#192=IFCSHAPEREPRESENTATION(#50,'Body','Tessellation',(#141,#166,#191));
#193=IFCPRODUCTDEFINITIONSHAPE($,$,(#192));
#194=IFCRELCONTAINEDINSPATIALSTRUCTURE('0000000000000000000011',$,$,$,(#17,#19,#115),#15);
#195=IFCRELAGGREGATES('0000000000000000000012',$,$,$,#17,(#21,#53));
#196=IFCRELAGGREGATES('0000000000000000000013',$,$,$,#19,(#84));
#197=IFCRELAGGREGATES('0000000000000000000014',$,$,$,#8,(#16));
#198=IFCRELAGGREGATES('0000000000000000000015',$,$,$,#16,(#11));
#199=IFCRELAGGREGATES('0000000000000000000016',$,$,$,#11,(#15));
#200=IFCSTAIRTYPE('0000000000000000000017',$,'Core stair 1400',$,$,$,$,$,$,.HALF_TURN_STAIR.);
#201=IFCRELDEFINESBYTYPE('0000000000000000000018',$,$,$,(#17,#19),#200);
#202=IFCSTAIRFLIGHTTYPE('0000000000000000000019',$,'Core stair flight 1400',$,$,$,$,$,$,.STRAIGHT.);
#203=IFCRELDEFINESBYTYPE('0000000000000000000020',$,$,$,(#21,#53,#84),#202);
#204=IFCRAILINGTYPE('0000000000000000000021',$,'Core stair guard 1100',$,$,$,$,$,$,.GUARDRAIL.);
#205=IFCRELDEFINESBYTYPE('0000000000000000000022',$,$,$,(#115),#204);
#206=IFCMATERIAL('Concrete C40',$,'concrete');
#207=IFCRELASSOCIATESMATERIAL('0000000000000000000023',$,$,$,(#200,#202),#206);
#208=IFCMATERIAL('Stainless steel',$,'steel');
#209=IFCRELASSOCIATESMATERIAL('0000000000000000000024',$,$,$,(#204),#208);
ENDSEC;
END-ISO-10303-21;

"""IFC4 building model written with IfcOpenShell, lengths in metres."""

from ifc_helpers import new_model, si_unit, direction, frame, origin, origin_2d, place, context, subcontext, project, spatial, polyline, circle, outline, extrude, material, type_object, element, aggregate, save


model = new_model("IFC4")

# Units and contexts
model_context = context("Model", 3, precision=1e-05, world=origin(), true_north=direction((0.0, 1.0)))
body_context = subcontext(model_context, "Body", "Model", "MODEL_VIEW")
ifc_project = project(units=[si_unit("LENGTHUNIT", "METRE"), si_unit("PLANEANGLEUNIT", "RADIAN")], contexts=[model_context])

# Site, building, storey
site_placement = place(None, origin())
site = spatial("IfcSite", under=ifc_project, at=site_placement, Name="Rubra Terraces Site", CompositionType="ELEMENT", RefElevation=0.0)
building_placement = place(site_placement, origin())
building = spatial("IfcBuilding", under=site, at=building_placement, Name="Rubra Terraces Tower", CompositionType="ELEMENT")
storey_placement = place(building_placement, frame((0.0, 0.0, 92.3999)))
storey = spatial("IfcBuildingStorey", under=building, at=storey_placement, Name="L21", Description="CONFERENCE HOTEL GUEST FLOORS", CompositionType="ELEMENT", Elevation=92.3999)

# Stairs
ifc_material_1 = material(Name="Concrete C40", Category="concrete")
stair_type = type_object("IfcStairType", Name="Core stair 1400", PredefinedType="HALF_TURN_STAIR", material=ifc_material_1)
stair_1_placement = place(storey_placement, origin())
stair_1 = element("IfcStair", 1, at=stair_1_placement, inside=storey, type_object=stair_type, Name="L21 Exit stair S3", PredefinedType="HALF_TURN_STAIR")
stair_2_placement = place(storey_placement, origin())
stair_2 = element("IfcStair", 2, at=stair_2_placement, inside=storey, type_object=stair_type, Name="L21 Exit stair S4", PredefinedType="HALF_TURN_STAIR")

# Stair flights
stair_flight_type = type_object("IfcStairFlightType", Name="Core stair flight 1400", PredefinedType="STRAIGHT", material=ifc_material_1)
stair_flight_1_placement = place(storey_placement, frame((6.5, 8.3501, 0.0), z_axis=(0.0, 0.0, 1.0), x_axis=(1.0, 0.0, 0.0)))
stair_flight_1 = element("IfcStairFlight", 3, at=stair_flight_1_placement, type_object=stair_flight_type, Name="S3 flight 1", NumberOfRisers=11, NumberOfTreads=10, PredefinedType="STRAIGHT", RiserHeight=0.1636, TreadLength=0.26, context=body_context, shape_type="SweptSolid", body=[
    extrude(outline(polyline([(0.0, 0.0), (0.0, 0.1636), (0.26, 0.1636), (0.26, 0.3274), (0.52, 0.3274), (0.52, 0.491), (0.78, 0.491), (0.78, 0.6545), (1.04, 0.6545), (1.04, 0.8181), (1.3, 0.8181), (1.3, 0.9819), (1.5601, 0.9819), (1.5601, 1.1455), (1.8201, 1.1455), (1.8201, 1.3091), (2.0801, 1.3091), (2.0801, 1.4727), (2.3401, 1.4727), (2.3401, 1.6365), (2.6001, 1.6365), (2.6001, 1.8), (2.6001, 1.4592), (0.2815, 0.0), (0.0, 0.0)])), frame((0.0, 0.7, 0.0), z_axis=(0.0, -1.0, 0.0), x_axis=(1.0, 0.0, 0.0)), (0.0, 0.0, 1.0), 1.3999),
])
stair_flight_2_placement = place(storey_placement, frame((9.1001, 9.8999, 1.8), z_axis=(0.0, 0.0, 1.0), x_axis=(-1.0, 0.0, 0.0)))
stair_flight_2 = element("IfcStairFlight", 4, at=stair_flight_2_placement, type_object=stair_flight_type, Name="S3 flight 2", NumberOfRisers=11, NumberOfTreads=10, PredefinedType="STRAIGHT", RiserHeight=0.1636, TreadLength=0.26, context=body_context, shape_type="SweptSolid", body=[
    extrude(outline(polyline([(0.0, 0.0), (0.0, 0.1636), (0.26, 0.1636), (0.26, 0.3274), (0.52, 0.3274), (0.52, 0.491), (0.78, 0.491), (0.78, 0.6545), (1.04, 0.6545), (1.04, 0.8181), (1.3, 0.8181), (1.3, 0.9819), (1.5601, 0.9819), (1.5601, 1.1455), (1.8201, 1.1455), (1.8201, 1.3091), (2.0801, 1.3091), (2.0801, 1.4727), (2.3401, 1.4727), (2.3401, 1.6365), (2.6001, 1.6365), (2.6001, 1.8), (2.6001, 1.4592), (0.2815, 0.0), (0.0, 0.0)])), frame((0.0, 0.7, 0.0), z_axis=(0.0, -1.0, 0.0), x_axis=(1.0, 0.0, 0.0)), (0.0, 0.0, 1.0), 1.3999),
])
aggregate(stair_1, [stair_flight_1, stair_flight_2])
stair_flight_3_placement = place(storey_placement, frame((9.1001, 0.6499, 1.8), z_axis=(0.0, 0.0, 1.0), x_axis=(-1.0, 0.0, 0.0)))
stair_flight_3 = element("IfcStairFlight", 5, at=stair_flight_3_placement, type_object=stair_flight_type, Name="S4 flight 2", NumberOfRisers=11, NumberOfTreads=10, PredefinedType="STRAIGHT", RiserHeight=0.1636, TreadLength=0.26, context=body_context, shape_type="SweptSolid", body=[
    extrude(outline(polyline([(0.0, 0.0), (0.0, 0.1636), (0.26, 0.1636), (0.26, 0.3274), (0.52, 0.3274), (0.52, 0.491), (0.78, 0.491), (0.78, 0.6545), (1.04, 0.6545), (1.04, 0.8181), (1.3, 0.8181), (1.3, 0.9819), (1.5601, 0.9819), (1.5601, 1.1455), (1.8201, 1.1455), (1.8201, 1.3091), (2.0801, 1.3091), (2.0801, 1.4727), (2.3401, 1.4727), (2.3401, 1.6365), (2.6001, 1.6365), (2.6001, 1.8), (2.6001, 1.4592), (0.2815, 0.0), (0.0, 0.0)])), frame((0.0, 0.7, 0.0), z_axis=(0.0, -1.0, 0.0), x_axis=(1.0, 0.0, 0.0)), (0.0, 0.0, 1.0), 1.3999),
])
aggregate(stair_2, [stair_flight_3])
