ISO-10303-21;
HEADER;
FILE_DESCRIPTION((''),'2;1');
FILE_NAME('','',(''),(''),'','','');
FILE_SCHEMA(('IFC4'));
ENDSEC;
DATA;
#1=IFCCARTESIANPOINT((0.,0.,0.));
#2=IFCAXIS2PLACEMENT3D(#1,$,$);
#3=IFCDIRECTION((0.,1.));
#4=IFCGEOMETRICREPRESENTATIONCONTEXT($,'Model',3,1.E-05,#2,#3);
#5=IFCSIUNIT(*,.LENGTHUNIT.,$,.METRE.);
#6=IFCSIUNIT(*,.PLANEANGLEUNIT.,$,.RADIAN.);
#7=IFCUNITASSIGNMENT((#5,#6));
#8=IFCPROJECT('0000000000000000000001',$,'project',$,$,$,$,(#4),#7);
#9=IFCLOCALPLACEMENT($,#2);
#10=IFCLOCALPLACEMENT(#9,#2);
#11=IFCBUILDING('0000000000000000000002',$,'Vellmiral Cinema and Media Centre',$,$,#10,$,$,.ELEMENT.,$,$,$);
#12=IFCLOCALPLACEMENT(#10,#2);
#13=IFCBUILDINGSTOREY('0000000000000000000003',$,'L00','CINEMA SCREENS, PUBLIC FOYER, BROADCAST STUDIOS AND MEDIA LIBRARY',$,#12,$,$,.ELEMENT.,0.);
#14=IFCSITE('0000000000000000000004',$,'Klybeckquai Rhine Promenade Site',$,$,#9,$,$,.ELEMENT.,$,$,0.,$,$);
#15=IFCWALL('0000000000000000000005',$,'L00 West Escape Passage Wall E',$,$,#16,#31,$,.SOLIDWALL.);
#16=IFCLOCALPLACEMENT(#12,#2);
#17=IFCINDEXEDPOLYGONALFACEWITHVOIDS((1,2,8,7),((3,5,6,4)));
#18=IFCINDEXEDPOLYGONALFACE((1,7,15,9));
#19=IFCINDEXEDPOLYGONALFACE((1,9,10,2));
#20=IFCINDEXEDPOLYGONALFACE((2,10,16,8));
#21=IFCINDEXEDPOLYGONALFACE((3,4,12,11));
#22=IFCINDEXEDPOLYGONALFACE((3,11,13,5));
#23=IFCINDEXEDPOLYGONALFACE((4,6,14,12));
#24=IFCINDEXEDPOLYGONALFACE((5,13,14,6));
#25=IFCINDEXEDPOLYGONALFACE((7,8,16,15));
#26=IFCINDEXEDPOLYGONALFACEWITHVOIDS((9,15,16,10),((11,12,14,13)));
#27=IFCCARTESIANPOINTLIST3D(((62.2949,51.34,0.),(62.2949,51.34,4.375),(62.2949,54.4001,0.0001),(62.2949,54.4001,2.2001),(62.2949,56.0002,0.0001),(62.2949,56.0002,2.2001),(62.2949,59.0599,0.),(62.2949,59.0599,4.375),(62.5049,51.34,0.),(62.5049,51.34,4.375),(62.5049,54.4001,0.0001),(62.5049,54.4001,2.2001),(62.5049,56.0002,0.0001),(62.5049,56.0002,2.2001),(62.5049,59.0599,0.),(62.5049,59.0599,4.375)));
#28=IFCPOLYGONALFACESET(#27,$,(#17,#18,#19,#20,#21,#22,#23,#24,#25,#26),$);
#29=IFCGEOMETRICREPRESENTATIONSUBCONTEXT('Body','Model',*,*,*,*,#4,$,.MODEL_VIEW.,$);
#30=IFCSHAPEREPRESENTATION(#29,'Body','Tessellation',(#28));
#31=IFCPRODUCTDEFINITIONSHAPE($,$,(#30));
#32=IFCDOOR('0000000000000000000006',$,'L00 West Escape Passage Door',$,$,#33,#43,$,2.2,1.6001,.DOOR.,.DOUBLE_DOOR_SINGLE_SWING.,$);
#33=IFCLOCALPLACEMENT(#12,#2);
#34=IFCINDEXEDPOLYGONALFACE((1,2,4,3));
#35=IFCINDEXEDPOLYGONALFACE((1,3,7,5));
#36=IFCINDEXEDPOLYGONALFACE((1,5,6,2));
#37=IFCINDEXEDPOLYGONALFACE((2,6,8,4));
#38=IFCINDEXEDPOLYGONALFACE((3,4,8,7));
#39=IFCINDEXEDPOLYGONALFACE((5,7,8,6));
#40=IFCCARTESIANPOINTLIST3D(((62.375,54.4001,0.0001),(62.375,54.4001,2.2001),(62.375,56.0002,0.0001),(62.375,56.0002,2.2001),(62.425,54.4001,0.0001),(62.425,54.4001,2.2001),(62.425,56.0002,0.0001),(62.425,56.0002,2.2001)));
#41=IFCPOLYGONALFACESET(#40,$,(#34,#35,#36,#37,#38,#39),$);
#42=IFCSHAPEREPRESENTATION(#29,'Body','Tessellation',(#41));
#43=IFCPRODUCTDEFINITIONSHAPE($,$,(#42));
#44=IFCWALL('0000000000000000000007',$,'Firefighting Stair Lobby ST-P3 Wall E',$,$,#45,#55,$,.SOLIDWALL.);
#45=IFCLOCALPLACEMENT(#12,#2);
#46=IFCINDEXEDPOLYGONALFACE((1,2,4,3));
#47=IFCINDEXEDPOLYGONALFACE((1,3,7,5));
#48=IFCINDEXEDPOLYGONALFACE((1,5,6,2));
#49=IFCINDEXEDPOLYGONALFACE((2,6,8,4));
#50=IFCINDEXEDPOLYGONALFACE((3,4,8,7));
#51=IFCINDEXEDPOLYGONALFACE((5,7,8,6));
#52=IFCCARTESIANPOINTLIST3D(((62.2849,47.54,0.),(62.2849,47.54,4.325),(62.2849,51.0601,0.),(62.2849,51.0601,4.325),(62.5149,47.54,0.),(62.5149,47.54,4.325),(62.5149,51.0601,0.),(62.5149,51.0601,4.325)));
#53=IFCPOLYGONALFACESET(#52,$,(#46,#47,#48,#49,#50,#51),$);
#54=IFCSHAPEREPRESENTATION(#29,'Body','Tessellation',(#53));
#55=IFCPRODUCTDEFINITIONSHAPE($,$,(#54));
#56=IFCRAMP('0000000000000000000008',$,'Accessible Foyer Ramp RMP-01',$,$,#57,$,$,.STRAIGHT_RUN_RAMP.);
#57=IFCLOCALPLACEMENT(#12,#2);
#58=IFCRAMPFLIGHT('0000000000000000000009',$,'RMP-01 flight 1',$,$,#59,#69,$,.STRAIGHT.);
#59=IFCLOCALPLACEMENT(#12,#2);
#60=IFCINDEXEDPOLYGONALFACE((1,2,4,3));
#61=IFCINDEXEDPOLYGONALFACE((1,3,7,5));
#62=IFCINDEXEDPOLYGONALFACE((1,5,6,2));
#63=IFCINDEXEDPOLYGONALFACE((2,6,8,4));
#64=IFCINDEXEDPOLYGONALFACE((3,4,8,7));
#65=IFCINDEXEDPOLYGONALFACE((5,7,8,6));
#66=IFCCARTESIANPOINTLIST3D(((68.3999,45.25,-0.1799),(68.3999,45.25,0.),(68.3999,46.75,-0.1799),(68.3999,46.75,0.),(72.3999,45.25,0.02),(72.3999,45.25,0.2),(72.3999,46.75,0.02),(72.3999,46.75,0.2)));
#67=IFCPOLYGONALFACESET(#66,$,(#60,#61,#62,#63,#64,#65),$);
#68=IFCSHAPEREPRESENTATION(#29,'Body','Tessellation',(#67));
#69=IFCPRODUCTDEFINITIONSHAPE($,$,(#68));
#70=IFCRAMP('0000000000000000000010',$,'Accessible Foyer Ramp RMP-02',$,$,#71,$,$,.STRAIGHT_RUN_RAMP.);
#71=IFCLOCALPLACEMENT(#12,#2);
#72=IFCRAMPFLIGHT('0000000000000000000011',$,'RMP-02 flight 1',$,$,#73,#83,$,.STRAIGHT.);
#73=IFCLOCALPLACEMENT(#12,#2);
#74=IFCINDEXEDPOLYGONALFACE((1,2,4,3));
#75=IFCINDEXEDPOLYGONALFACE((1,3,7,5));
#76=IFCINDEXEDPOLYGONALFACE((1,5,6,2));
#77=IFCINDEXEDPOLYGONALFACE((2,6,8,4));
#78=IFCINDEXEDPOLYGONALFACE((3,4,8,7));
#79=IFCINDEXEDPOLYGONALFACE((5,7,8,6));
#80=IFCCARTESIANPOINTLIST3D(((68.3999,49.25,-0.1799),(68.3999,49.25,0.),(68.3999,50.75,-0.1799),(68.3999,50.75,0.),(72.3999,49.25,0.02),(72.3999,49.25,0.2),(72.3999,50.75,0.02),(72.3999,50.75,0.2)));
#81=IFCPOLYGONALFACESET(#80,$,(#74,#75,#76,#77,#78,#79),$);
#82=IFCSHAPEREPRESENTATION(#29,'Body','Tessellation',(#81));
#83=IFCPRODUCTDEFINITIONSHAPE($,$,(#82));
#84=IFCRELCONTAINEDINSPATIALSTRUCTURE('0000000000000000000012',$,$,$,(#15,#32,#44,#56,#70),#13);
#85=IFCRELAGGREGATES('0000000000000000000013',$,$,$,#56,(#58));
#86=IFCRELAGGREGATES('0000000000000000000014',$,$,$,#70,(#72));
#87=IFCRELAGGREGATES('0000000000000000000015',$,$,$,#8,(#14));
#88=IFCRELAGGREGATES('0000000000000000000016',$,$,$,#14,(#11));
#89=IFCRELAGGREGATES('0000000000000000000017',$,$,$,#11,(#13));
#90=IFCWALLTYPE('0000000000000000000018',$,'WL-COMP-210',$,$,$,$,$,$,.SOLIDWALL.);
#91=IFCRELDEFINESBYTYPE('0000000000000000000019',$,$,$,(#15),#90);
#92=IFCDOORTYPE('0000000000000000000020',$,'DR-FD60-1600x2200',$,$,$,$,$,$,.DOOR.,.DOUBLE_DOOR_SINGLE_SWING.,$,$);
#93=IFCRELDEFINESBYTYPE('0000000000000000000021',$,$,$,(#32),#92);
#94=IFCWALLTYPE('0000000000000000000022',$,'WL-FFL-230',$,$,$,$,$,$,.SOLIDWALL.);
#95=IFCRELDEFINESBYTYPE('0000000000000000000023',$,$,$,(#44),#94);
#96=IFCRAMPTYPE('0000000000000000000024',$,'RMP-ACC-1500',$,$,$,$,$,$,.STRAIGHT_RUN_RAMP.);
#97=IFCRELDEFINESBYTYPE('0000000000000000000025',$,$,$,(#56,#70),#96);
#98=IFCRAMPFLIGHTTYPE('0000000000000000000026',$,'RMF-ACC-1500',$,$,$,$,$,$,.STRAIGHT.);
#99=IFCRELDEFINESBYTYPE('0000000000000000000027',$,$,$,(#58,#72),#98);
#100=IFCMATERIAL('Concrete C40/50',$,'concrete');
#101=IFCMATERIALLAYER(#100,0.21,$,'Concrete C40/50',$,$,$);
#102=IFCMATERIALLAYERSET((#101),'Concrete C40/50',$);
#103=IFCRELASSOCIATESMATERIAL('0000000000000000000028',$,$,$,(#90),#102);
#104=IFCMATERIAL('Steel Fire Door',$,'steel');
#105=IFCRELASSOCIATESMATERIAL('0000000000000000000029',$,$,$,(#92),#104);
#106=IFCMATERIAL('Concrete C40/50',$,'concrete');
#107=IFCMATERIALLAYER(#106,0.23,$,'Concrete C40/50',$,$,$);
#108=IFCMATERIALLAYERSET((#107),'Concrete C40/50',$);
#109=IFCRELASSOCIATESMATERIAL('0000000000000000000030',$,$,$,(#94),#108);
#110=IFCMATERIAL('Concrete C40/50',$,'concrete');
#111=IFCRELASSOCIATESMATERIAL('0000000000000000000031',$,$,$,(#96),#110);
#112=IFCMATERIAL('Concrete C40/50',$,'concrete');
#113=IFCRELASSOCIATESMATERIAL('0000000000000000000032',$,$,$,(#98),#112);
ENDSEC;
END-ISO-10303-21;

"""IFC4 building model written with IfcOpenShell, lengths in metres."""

from ifc_helpers import new_model, si_unit, direction, frame, frame_2d, origin, place, context, subcontext, project, spatial, polyline, rectangle, outline, extrude, material, layer, layer_set, type_object, element, fill, aggregate, save


model = new_model("IFC4")

# Units and contexts
model_context = context("Model", 3, precision=1e-05, world=origin(), true_north=direction((0.0, 1.0)))
body_context = subcontext(model_context, "Body", "Model", "MODEL_VIEW")
ifc_project = project(units=[si_unit("LENGTHUNIT", "METRE"), si_unit("PLANEANGLEUNIT", "RADIAN")], contexts=[model_context])

# Site, building, storey
site_placement = place(None, origin())
site = spatial("IfcSite", under=ifc_project, at=site_placement, Name="Klybeckquai Rhine Promenade Site", CompositionType="ELEMENT", RefElevation=0.0)
building_placement = place(site_placement, origin())
building = spatial("IfcBuilding", under=site, at=building_placement, Name="Vellmiral Cinema and Media Centre", CompositionType="ELEMENT")
storey_placement = place(building_placement, origin())
storey = spatial("IfcBuildingStorey", under=building, at=storey_placement, Name="L00", Description="CINEMA SCREENS, PUBLIC FOYER, BROADCAST STUDIOS AND MEDIA LIBRARY", CompositionType="ELEMENT", Elevation=0.0)

# Wall, opening, door
ifc_material_1 = material(Name="Concrete C40/50", Category="concrete")
ifc_layer_1 = layer(ifc_material_1, 0.21, Name="Concrete C40/50")
ifc_layer_set_1 = layer_set([ifc_layer_1], Name="Concrete C40/50")
wall_type_1 = type_object("IfcWallType", Name="WL-COMP-210", PredefinedType="SOLIDWALL", material=ifc_layer_set_1)
wall_1_placement = place(storey_placement, frame((62.3999, 51.3401, 0.0), z_axis=(0.0, 0.0, 1.0), x_axis=(0.0, 1.0, 0.0)))
wall_1 = element("IfcWall", 1, at=wall_1_placement, inside=storey, type_object=wall_type_1, Name="L00 West Escape Passage Wall E", PredefinedType="SOLIDWALL", context=body_context, shape_type="SweptSolid", body=[
    extrude(rectangle(XDim=7.72, YDim=0.21, at=frame_2d((3.8599, 0.0))), origin(), (0.0, 0.0, 1.0), 4.375),
])
opening_placement = place(wall_1_placement, frame((3.0601, 0.0, 0.0)))
opening = element("IfcOpeningElement", 2, at=opening_placement, cuts=wall_1, PredefinedType="OPENING", context=body_context, shape_type="SweptSolid", body=[
    extrude(rectangle(XDim=1.6001, YDim=2.2, at=frame_2d((0.8, 1.1001))), frame((0.0, 0.1169, 0.0), z_axis=(0.0, -1.0, 0.0), x_axis=(1.0, 0.0, 0.0)), (0.0, 0.0, 1.0), 0.2339),
])
ifc_material_2 = material(Name="Steel Fire Door", Category="steel")
door_type = type_object("IfcDoorType", Name="DR-FD60-1600x2200", OperationType="DOUBLE_DOOR_SINGLE_SWING", PredefinedType="DOOR", material=ifc_material_2)
door_placement = place(opening_placement, origin())
door = element("IfcDoor", 3, at=door_placement, inside=storey, type_object=door_type, Name="L00 West Escape Passage Door", OperationType="DOUBLE_DOOR_SINGLE_SWING", OverallHeight=2.2, OverallWidth=1.6001, PredefinedType="DOOR", context=body_context, shape_type="SweptSolid", body=[
    extrude(rectangle(XDim=1.6001, YDim=2.2, at=frame_2d((0.8, 1.1001))), frame((0.0, 0.0249, 0.0), z_axis=(0.0, -1.0, 0.0), x_axis=(1.0, 0.0, 0.0)), (0.0, 0.0, 1.0), 0.05),
])
fill(opening, door)

# Wall
ifc_material_3 = material(Name="Concrete C40/50", Category="concrete")
ifc_layer_2 = layer(ifc_material_3, 0.23, Name="Concrete C40/50")
ifc_layer_set_2 = layer_set([ifc_layer_2], Name="Concrete C40/50")
wall_type_2 = type_object("IfcWallType", Name="WL-FFL-230", PredefinedType="SOLIDWALL", material=ifc_layer_set_2)
wall_2_placement = place(storey_placement, frame((62.3999, 47.54, 0.0), z_axis=(0.0, 0.0, 1.0), x_axis=(0.0, 1.0, 0.0)))
element("IfcWall", 4, at=wall_2_placement, inside=storey, type_object=wall_type_2, Name="Firefighting Stair Lobby ST-P3 Wall E", PredefinedType="SOLIDWALL", context=body_context, shape_type="SweptSolid", body=[
    extrude(rectangle(XDim=3.52, YDim=0.23, at=frame_2d((1.76, 0.0))), origin(), (0.0, 0.0, 1.0), 4.325),
])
****************************************
The lines above from the one containing "#43=IFCPRODUCTDEFINITIONSHAPE($,$,(#42));" through the one containing "#69=IFCPRODUCTDEFINITIONSHAPE($,$,(#68));" are to be set down exactly, and no others.

#43=IFCPRODUCTDEFINITIONSHAPE($,$,(#42));
#44=IFCWALL('0000000000000000000007',$,'Firefighting Stair Lobby ST-P3 Wall E',$,$,#45,#55,$,.SOLIDWALL.);
#45=IFCLOCALPLACEMENT(#12,#2);
#46=IFCINDEXEDPOLYGONALFACE((1,2,4,3));
#47=IFCINDEXEDPOLYGONALFACE((1,3,7,5));
#48=IFCINDEXEDPOLYGONALFACE((1,5,6,2));
#49=IFCINDEXEDPOLYGONALFACE((2,6,8,4));
#50=IFCINDEXEDPOLYGONALFACE((3,4,8,7));
#51=IFCINDEXEDPOLYGONALFACE((5,7,8,6));
#52=IFCCARTESIANPOINTLIST3D(((62.2849,47.54,0.),(62.2849,47.54,4.325),(62.2849,51.0601,0.),(62.2849,51.0601,4.325),(62.5149,47.54,0.),(62.5149,47.54,4.325),(62.5149,51.0601,0.),(62.5149,51.0601,4.325)));
#53=IFCPOLYGONALFACESET(#52,$,(#46,#47,#48,#49,#50,#51),$);
#54=IFCSHAPEREPRESENTATION(#29,'Body','Tessellation',(#53));
#55=IFCPRODUCTDEFINITIONSHAPE($,$,(#54));
#56=IFCRAMP('0000000000000000000008',$,'Accessible Foyer Ramp RMP-01',$,$,#57,$,$,.STRAIGHT_RUN_RAMP.);
#57=IFCLOCALPLACEMENT(#12,#2);
#58=IFCRAMPFLIGHT('0000000000000000000009',$,'RMP-01 flight 1',$,$,#59,#69,$,.STRAIGHT.);
#59=IFCLOCALPLACEMENT(#12,#2);
#60=IFCINDEXEDPOLYGONALFACE((1,2,4,3));
#61=IFCINDEXEDPOLYGONALFACE((1,3,7,5));
#62=IFCINDEXEDPOLYGONALFACE((1,5,6,2));
#63=IFCINDEXEDPOLYGONALFACE((2,6,8,4));
#64=IFCINDEXEDPOLYGONALFACE((3,4,8,7));
#65=IFCINDEXEDPOLYGONALFACE((5,7,8,6));
#66=IFCCARTESIANPOINTLIST3D(((68.3999,45.25,-0.1799),(68.3999,45.25,0.),(68.3999,46.75,-0.1799),(68.3999,46.75,0.),(72.3999,45.25,0.02),(72.3999,45.25,0.2),(72.3999,46.75,0.02),(72.3999,46.75,0.2)));
#67=IFCPOLYGONALFACESET(#66,$,(#60,#61,#62,#63,#64,#65),$);
#68=IFCSHAPEREPRESENTATION(#29,'Body','Tessellation',(#67));
#69=IFCPRODUCTDEFINITIONSHAPE($,$,(#68));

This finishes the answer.